### DATA TO USE
━━━━━━━━

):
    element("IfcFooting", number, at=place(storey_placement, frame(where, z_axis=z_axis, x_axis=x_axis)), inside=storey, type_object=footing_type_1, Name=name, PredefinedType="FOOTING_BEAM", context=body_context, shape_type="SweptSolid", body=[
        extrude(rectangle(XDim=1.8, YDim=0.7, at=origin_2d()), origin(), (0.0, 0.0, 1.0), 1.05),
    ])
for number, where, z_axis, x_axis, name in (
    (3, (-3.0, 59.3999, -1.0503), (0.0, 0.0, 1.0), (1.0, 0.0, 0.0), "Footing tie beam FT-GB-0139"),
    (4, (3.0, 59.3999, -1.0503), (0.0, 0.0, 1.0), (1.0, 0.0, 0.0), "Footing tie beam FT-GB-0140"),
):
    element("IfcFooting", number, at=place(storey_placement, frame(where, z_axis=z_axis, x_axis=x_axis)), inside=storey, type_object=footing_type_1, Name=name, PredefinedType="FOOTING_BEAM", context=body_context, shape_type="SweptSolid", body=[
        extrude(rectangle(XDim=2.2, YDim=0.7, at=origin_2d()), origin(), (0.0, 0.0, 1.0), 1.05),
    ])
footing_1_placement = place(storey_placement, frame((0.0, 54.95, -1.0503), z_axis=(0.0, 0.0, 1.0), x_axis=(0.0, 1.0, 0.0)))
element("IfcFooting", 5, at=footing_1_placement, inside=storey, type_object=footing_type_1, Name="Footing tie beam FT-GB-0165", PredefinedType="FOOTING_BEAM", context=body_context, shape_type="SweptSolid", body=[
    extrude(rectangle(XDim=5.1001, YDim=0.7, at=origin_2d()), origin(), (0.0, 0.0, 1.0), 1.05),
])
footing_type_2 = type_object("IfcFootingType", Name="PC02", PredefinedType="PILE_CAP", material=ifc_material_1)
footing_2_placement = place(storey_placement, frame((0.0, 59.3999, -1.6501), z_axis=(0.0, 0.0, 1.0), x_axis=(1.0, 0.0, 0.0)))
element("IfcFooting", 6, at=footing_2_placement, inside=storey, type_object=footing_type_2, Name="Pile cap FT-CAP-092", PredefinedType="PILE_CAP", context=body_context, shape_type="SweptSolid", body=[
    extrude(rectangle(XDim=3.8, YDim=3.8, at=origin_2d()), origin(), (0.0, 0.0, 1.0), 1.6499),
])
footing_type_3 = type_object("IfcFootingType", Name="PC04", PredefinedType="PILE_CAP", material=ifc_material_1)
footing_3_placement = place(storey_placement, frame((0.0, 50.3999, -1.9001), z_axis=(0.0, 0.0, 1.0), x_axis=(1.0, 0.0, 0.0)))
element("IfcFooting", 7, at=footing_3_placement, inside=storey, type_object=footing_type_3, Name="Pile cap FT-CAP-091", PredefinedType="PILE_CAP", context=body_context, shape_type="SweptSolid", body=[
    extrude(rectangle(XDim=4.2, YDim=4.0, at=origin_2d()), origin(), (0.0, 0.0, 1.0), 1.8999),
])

━━━━━━━━

### WORK ITEM
The whole of the material above is to be restated exactly.

### RESULT FOR THIS TASK
):
    element("IfcFooting", number, at=place(storey_placement, frame(where, z_axis=z_axis, x_axis=x_axis)), inside=storey, type_object=footing_type_1, Name=name, PredefinedType="FOOTING_BEAM", context=body_context, shape_type="SweptSolid", body=[
        extrude(rectangle(XDim=1.8, YDim=0.7, at=origin_2d()), origin(), (0.0, 0.0, 1.0), 1.05),
    ])
for number, where, z_axis, x_axis, name in (
    (3, (-3.0, 59.3999, -1.0503), (0.0, 0.0, 1.0), (1.0, 0.0, 0.0), "Footing tie beam FT-GB-0139"),
    (4, (3.0, 59.3999, -1.0503), (0.0, 0.0, 1.0), (1.0, 0.0, 0.0), "Footing tie beam FT-GB-0140"),
):
    element("IfcFooting", number, at=place(storey_placement, frame(where, z_axis=z_axis, x_axis=x_axis)), inside=storey, type_object=footing_type_1, Name=name, PredefinedType="FOOTING_BEAM", context=body_context, shape_type="SweptSolid", body=[
        extrude(rectangle(XDim=2.2, YDim=0.7, at=origin_2d()), origin(), (0.0, 0.0, 1.0), 1.05),
    ])
footing_1_placement = place(storey_placement, frame((0.0, 54.95, -1.0503), z_axis=(0.0, 0.0, 1.0), x_axis=(0.0, 1.0, 0.0)))
element("IfcFooting", 5, at=footing_1_placement, inside=storey, type_object=footing_type_1, Name="Footing tie beam FT-GB-0165", PredefinedType="FOOTING_BEAM", context=body_context, shape_type="SweptSolid", body=[
    extrude(rectangle(XDim=5.1001, YDim=0.7, at=origin_2d()), origin(), (0.0, 0.0, 1.0), 1.05),
])
footing_type_2 = type_object("IfcFootingType", Name="PC02", PredefinedType="PILE_CAP", material=ifc_material_1)
footing_2_placement = place(storey_placement, frame((0.0, 59.3999, -1.6501), z_axis=(0.0, 0.0, 1.0), x_axis=(1.0, 0.0, 0.0)))
element("IfcFooting", 6, at=footing_2_placement, inside=storey, type_object=footing_type_2, Name="Pile cap FT-CAP-092", PredefinedType="PILE_CAP", context=body_context, shape_type="SweptSolid", body=[
    extrude(rectangle(XDim=3.8, YDim=3.8, at=origin_2d()), origin(), (0.0, 0.0, 1.0), 1.6499),
])
footing_type_3 = type_object("IfcFootingType", Name="PC04", PredefinedType="PILE_CAP", material=ifc_material_1)
footing_3_placement = place(storey_placement, frame((0.0, 50.3999, -1.9001), z_axis=(0.0, 0.0, 1.0), x_axis=(1.0, 0.0, 0.0)))
element("IfcFooting", 7, at=footing_3_placement, inside=storey, type_object=footing_type_3, Name="Pile cap FT-CAP-091", PredefinedType="PILE_CAP", context=body_context, shape_type="SweptSolid", body=[
    extrude(rectangle(XDim=4.2, YDim=4.0, at=origin_2d()), origin(), (0.0, 0.0, 1.0), 1.8999),
])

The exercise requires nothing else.